>>>

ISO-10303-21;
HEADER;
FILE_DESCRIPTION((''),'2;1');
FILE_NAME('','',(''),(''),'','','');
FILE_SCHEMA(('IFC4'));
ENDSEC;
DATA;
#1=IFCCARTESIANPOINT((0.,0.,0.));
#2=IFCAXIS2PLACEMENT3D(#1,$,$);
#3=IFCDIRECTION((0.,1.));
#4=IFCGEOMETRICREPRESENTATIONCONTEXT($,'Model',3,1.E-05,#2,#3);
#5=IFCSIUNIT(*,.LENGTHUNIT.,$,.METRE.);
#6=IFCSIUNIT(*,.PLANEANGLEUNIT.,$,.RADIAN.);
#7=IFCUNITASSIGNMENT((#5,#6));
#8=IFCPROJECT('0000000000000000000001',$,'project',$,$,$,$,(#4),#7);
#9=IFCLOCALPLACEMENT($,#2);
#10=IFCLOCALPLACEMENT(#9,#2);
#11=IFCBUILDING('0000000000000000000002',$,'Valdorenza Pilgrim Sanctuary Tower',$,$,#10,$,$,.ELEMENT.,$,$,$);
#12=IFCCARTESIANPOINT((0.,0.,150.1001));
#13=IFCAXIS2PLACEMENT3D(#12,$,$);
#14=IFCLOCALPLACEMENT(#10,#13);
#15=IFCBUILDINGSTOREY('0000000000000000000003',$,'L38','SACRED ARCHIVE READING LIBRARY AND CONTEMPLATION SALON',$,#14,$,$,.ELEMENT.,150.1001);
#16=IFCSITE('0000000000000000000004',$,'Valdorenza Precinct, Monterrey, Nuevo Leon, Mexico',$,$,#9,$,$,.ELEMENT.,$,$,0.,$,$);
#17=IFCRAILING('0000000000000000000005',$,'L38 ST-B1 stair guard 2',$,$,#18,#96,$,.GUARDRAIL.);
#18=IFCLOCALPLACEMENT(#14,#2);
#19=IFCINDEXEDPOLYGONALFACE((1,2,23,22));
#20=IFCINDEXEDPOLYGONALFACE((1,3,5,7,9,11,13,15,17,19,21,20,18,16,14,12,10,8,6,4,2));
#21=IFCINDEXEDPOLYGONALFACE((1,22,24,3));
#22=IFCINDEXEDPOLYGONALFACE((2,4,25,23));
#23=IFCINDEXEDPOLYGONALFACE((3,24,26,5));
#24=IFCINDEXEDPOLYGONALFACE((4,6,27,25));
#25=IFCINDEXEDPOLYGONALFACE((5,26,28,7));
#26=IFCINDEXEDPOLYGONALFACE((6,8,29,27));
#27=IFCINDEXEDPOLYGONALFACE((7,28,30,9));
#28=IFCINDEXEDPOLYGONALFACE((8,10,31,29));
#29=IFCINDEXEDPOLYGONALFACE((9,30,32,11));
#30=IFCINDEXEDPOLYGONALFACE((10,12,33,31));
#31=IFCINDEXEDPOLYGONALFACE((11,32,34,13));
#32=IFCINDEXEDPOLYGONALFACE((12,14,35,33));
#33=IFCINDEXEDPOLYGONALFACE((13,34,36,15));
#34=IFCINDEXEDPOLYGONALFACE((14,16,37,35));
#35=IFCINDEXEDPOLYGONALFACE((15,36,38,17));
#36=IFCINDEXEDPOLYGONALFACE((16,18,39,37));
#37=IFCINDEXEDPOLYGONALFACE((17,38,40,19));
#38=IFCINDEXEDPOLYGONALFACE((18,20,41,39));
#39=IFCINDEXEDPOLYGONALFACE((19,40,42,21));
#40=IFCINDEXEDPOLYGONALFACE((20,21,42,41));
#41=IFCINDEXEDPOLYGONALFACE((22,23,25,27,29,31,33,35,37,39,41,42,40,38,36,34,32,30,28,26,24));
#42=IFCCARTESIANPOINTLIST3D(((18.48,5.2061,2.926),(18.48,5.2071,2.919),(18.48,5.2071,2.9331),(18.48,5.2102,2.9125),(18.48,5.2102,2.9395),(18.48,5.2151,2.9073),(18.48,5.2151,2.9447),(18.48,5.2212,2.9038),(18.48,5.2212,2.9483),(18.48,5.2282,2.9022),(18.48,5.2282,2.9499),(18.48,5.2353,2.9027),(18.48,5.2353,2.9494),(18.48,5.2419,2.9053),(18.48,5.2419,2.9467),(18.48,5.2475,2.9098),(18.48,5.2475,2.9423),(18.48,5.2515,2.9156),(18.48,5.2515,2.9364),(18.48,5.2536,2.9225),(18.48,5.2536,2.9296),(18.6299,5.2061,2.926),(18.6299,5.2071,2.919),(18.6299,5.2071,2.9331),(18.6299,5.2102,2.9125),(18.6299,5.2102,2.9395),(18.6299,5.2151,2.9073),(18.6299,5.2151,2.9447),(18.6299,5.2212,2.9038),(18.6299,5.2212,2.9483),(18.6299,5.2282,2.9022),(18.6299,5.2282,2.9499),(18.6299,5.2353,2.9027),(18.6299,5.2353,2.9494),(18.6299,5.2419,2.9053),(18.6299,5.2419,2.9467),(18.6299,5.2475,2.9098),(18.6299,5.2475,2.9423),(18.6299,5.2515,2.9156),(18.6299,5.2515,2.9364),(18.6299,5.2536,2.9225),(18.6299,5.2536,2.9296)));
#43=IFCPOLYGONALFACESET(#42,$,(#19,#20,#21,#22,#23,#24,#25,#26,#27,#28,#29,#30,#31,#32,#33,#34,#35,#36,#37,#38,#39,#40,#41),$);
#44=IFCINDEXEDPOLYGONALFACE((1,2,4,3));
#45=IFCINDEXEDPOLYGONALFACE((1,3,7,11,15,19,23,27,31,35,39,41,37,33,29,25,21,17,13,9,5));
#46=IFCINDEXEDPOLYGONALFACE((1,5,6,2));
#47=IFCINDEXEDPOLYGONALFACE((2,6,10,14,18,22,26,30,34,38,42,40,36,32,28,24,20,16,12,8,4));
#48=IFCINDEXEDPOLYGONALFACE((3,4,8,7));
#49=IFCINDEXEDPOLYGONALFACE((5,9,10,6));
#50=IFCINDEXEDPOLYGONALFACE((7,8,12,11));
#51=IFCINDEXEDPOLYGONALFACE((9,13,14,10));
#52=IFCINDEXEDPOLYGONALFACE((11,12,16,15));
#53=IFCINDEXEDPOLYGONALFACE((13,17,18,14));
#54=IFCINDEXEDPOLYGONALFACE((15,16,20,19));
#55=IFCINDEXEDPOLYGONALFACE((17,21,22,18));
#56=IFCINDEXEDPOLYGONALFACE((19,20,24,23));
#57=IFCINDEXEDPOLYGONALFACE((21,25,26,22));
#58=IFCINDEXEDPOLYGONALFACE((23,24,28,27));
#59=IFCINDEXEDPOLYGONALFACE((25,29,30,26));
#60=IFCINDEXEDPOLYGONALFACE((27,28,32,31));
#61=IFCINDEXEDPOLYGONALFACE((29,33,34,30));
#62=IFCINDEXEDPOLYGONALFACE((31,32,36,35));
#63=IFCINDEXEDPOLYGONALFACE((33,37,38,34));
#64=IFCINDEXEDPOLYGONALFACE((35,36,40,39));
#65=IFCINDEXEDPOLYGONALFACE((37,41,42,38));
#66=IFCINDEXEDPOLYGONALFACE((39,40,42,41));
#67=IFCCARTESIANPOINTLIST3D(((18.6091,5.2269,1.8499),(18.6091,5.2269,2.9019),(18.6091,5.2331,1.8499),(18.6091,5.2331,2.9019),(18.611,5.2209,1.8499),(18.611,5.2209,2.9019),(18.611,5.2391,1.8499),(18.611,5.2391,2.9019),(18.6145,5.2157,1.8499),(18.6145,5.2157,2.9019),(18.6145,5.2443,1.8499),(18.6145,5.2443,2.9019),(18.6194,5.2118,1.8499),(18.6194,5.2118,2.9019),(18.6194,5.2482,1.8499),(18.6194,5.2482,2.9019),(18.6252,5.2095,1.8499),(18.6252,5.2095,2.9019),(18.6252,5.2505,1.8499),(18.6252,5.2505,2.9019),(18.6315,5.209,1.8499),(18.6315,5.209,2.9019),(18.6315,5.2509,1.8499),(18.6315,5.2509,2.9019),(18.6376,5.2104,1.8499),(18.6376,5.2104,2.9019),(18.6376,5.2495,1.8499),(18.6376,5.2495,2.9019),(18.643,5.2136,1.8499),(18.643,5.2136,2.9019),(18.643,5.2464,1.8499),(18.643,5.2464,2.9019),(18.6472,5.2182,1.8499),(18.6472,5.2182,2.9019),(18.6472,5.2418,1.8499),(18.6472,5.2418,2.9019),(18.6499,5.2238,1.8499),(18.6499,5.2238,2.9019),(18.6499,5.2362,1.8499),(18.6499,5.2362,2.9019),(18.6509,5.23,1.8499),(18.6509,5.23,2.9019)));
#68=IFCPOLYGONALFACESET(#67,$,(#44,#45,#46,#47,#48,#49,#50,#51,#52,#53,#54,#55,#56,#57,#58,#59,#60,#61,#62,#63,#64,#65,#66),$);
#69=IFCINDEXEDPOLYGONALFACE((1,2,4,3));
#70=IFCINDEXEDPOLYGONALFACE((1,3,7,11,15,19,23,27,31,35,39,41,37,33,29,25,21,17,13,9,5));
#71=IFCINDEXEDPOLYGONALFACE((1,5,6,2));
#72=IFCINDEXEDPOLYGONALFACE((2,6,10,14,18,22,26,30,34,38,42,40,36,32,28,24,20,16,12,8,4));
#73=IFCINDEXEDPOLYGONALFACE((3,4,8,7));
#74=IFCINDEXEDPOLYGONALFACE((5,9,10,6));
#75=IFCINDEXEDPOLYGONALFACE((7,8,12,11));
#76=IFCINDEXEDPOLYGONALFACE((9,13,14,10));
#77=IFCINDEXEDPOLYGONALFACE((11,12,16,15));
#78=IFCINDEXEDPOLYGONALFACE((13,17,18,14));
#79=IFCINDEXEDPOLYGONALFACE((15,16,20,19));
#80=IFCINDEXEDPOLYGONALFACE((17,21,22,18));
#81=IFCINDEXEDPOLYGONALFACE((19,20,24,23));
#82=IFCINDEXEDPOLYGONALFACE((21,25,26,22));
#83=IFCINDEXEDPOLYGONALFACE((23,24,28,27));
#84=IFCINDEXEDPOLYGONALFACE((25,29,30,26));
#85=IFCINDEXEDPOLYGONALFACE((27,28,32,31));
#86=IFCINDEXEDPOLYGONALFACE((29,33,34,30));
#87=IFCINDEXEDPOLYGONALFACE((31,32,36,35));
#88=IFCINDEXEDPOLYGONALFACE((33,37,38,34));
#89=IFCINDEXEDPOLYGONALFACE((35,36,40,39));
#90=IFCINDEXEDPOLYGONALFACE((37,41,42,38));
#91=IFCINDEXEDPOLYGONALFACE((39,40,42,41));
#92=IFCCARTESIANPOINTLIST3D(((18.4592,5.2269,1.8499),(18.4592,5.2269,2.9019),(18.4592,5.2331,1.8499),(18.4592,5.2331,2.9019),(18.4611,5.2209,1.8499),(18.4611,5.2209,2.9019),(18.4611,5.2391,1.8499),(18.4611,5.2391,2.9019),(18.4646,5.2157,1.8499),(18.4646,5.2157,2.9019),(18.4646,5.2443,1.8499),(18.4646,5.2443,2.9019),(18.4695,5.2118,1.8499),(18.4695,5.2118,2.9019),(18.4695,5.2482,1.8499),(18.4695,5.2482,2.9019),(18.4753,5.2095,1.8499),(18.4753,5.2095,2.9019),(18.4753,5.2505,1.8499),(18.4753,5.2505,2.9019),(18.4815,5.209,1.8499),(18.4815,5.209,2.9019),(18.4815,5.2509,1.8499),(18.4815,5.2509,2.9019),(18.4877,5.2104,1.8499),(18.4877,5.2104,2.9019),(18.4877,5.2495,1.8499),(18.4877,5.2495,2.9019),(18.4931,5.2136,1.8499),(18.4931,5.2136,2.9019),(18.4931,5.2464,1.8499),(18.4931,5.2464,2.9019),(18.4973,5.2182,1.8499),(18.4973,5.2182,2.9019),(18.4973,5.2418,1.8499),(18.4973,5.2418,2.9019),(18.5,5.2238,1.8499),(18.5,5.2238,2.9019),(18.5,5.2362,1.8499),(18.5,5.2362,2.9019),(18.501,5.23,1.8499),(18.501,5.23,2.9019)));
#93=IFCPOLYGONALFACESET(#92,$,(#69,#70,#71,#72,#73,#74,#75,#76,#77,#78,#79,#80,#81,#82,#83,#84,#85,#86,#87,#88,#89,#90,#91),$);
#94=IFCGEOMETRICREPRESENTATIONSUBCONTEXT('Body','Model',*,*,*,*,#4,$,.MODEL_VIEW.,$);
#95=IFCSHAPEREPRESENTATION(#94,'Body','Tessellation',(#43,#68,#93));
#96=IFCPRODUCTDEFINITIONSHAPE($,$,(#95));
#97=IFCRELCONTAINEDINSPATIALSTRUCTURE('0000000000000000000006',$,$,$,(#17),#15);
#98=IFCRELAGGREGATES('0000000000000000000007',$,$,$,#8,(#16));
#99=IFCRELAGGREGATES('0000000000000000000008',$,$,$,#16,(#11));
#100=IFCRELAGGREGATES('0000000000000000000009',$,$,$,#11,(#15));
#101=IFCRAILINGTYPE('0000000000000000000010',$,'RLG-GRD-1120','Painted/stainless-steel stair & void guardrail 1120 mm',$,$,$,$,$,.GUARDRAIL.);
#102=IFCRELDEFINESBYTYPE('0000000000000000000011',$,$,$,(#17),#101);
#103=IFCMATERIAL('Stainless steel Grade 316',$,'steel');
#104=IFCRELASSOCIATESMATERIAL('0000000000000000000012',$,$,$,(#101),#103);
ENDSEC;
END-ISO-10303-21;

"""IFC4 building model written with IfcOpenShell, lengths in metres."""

from ifc_helpers import new_model, si_unit, direction, frame, origin, origin_2d, place, context, subcontext, project, spatial, circle, extrude, material, type_object, element, save


model = new_model("IFC4")

# Units and contexts
model_context = context("Model", 3, precision=1e-05, world=origin(), true_north=direction((0.0, 1.0)))
body_context = subcontext(model_context, "Body", "Model", "MODEL_VIEW")
ifc_project = project(units=[si_unit("LENGTHUNIT", "METRE"), si_unit("PLANEANGLEUNIT", "RADIAN")], contexts=[model_context])

# Site, building, storey
site_placement = place(None, origin())
site = spatial("IfcSite", under=ifc_project, at=site_placement, Name="Valdorenza Precinct, Monterrey, Nuevo Leon, Mexico", CompositionType="ELEMENT", RefElevation=0.0)
building_placement = place(site_placement, origin())
building = spatial("IfcBuilding", under=site, at=building_placement, Name="Valdorenza Pilgrim Sanctuary Tower", CompositionType="ELEMENT")
storey_placement = place(building_placement, frame((0.0, 0.0, 150.1001)))
storey = spatial("IfcBuildingStorey", under=building, at=storey_placement, Name="L38", Description="SACRED ARCHIVE READING LIBRARY AND CONTEMPLATION SALON", CompositionType="ELEMENT", Elevation=150.1001)

# Railing
ifc_material_1 = material(Name="Stainless steel Grade 316", Category="steel")
railing_type_1 = type_object("IfcRailingType", Name="RLG-GRD-1120", Description="Painted/stainless-steel stair & void guardrail 1120 mm", PredefinedType="GUARDRAIL", material=ifc_material_1)
railing_1_placement = place(storey_placement, frame((18.6299, 5.23, 1.8499)))
element("IfcRailing", 1, at=railing_1_placement, inside=storey, type_object=railing_type_1, Name="L38 ST-B1 stair guard 2", PredefinedType="GUARDRAIL", context=body_context, shape_type="SweptSolid", body=[
    extrude(circle(Radius=0.0239, at=origin_2d()), frame((0.0, 0.0, 1.0762), z_axis=(-1.0, 0.0, 0.0), x_axis=(0.0, -1.0, 0.0)), (0.0, 0.0, 1.0), 0.1499),
    extrude(circle(Radius=0.021, at=origin_2d()), origin(), (0.0, 0.0, 1.0), 1.052),
    extrude(circle(Radius=0.021, at=origin_2d()), frame((-0.1499, 0.0, 0.0)), (0.0, 0.0, 1.0), 1.052),
])

save(model, "model.ifc")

<<<

Only the lines from the start of the data to the line holding "#5=IFCSIUNIT(*,.LENGTHUNIT.,$,.METRE.);" are wanted; return them exactly, both ends included.

ANSWER AREA |
ISO-10303-21;
HEADER;
FILE_DESCRIPTION((''),'2;1');
FILE_NAME('','',(''),(''),'','','');
FILE_SCHEMA(('IFC4'));
ENDSEC;
DATA;
#1=IFCCARTESIANPOINT((0.,0.,0.));
#2=IFCAXIS2PLACEMENT3D(#1,$,$);
#3=IFCDIRECTION((0.,1.));
#4=IFCGEOMETRICREPRESENTATIONCONTEXT($,'Model',3,1.E-05,#2,#3);
#5=IFCSIUNIT(*,.LENGTHUNIT.,$,.METRE.);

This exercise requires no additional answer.